▶ _Exercise objective_:
Look through the entries below and count every line in which "wool" appears; reply with the number only.

▶ _Given information_:
------------------------------------

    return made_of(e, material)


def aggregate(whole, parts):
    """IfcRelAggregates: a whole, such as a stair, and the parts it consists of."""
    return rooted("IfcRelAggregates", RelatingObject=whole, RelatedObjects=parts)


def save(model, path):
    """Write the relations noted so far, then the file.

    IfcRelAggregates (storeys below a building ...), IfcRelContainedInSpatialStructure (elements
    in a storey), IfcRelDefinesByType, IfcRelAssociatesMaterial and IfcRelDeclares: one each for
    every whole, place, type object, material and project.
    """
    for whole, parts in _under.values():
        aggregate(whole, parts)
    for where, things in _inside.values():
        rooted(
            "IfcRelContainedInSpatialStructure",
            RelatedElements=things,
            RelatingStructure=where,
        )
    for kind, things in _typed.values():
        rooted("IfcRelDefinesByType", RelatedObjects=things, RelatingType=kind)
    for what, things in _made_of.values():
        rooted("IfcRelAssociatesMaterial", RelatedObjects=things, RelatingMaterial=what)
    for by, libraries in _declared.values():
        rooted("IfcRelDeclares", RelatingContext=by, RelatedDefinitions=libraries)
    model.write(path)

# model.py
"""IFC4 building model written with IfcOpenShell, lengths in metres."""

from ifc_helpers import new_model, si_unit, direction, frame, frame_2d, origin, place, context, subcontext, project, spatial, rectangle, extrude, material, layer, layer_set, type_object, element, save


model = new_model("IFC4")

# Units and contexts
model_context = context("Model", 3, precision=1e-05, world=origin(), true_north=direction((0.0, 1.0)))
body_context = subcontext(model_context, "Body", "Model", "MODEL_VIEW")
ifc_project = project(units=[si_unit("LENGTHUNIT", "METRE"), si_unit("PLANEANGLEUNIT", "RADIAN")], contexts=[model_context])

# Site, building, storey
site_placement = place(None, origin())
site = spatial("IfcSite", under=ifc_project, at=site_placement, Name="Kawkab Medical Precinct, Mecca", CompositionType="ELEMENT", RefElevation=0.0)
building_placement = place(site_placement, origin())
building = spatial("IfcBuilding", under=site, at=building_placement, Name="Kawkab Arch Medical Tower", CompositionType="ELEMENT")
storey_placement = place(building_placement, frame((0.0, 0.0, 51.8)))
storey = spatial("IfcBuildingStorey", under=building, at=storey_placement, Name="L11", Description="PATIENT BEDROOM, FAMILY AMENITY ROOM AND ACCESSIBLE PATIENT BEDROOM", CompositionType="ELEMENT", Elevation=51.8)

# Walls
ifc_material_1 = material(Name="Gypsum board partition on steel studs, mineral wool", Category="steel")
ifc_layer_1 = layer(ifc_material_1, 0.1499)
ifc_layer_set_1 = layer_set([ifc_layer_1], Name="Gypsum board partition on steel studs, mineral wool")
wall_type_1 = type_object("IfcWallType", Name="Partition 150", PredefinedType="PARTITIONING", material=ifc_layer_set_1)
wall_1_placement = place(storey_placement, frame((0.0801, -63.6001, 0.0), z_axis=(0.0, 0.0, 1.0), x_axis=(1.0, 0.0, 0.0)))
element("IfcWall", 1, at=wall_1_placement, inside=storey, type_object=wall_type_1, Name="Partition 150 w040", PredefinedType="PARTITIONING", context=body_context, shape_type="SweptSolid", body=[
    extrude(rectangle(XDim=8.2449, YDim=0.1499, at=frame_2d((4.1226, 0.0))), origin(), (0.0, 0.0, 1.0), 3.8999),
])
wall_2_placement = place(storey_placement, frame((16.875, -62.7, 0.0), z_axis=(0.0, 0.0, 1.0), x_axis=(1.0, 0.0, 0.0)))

------------------------------------

▶ _Output of the task_:
2